Exercise brief =>
Of the entries below, restate word for word only the section that runs from the line with "#175=IFCRELAGGREGATES('0000000000000000000009',$,$,$,#11,(#15));" to the line with "building model written", counting both ends.

(Collected data entries)
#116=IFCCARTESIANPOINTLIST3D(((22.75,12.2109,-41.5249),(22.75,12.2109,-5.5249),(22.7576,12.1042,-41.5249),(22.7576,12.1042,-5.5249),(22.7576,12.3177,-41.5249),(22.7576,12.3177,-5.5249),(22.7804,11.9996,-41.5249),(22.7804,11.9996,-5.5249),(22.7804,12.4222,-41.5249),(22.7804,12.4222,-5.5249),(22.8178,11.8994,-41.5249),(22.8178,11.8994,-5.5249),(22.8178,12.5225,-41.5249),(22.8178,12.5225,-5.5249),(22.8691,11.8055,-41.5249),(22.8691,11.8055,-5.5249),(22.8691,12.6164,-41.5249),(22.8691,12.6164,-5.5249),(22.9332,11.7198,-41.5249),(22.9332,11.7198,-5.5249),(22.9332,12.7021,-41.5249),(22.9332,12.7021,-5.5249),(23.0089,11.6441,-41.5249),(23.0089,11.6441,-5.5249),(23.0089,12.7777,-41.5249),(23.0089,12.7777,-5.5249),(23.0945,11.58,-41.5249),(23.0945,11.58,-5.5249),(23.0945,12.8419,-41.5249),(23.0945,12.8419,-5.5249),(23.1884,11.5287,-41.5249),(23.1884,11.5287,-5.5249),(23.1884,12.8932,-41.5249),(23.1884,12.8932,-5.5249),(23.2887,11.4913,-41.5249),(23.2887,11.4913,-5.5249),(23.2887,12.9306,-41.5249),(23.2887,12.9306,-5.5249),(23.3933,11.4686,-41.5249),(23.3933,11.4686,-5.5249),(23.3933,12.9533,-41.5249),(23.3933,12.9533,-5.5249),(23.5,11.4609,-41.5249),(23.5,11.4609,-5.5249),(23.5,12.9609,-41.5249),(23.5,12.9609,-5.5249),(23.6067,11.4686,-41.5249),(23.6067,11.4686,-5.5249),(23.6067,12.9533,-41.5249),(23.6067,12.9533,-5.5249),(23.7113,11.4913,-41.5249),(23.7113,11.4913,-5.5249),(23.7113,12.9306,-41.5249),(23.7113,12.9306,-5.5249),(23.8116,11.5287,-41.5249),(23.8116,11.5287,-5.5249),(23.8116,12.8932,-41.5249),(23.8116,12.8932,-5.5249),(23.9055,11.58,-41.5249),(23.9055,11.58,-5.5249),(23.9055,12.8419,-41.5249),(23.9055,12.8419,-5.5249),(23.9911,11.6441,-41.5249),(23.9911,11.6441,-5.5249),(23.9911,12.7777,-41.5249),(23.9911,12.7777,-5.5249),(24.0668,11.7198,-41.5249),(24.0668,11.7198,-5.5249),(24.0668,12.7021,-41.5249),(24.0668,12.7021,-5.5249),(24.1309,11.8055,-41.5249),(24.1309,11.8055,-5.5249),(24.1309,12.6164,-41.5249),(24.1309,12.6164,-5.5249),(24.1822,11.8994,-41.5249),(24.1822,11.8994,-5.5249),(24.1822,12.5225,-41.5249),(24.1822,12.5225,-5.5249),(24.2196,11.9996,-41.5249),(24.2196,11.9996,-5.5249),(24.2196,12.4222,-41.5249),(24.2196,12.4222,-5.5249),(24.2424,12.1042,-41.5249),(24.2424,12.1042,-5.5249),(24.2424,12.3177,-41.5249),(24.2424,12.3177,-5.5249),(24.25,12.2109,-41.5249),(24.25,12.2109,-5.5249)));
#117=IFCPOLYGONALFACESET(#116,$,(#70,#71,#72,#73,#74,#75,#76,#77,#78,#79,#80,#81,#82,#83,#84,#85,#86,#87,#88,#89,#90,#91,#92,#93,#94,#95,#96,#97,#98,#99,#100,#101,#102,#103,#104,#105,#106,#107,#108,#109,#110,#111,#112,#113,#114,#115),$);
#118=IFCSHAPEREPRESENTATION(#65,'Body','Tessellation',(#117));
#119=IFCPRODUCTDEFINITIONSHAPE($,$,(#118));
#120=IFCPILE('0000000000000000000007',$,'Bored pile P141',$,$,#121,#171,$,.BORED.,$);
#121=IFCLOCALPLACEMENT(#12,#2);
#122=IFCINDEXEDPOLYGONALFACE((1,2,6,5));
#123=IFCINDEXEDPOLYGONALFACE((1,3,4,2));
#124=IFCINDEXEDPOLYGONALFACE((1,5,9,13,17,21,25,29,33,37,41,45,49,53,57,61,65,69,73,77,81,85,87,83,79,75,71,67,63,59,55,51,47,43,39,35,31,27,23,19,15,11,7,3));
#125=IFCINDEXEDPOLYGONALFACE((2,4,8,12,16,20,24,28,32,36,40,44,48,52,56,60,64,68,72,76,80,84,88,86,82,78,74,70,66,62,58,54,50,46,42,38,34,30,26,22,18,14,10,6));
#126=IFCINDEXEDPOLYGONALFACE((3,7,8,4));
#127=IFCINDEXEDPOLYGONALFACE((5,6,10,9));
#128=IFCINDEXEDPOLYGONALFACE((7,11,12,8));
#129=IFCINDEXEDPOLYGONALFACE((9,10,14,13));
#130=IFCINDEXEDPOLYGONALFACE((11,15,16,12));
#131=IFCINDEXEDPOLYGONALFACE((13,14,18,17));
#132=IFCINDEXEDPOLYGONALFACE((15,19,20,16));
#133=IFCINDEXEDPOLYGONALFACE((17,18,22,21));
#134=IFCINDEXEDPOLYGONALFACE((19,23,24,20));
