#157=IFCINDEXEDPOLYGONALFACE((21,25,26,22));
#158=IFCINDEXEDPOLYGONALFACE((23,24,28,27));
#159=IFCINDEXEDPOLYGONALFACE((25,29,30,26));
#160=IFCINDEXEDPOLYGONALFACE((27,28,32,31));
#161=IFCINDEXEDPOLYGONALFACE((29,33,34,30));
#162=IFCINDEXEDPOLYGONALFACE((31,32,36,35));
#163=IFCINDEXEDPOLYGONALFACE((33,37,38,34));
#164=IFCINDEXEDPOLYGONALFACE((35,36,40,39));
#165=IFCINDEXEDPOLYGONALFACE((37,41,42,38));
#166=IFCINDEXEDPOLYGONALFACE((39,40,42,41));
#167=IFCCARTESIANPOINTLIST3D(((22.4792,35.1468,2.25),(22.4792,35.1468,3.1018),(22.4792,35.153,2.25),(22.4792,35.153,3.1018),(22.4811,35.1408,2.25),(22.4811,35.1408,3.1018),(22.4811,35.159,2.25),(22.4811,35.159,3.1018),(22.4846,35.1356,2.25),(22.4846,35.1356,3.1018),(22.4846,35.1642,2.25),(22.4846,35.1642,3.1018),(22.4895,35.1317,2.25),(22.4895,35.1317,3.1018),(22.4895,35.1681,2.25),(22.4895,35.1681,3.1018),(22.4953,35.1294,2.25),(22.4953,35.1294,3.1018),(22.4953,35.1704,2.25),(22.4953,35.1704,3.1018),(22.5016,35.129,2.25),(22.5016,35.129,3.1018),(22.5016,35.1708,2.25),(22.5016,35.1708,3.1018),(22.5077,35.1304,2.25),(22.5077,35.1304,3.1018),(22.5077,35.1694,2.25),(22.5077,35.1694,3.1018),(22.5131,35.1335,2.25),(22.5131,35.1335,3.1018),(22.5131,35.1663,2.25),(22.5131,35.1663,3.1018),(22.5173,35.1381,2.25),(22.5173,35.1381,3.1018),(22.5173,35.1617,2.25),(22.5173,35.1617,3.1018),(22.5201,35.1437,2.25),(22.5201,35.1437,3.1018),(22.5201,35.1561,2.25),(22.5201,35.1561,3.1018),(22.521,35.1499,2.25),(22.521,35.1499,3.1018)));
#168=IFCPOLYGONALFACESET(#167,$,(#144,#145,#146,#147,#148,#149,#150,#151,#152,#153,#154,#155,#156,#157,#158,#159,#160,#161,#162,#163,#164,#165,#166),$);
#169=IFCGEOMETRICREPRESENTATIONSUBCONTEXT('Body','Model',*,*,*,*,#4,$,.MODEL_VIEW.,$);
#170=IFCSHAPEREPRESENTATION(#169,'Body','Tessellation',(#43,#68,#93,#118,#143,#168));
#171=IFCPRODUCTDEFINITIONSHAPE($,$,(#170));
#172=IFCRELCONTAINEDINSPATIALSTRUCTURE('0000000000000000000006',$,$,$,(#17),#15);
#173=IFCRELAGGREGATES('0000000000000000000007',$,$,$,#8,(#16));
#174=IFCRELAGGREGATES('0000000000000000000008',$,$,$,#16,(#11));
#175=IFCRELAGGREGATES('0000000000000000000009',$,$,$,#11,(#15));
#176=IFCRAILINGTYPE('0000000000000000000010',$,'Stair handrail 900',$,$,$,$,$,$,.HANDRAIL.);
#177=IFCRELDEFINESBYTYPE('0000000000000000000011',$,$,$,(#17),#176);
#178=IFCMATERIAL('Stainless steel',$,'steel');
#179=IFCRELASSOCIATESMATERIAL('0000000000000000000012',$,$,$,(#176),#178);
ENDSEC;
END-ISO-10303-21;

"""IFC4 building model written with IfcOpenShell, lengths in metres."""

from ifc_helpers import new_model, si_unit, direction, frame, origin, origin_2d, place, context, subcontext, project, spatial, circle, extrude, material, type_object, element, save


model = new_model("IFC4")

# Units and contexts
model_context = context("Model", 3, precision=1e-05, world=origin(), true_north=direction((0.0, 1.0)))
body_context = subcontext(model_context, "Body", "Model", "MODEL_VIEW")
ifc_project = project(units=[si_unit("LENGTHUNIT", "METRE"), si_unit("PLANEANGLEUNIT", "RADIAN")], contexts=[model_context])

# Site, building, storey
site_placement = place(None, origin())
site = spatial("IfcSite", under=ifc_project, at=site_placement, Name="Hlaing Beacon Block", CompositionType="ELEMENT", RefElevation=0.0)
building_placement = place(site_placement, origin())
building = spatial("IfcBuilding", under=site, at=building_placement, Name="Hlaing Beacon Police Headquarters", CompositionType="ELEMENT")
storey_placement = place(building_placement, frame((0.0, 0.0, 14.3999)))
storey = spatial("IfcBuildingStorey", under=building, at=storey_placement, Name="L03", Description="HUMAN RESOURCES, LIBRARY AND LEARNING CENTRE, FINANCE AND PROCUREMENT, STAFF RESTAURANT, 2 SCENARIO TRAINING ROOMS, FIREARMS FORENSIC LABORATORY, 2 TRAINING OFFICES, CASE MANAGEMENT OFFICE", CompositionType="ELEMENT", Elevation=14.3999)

Final answer =>
#175=IFCRELAGGREGATES('0000000000000000000009',$,$,$,#11,(#15));
#176=IFCRAILINGTYPE('0000000000000000000010',$,'Stair handrail 900',$,$,$,$,$,$,.HANDRAIL.);
#177=IFCRELDEFINESBYTYPE('0000000000000000000011',$,$,$,(#17),#176);
#178=IFCMATERIAL('Stainless steel',$,'steel');
#179=IFCRELASSOCIATESMATERIAL('0000000000000000000012',$,$,$,(#176),#178);
ENDSEC;
END-ISO-10303-21;

"""IFC4 building model written with IfcOpenShell, lengths in metres."""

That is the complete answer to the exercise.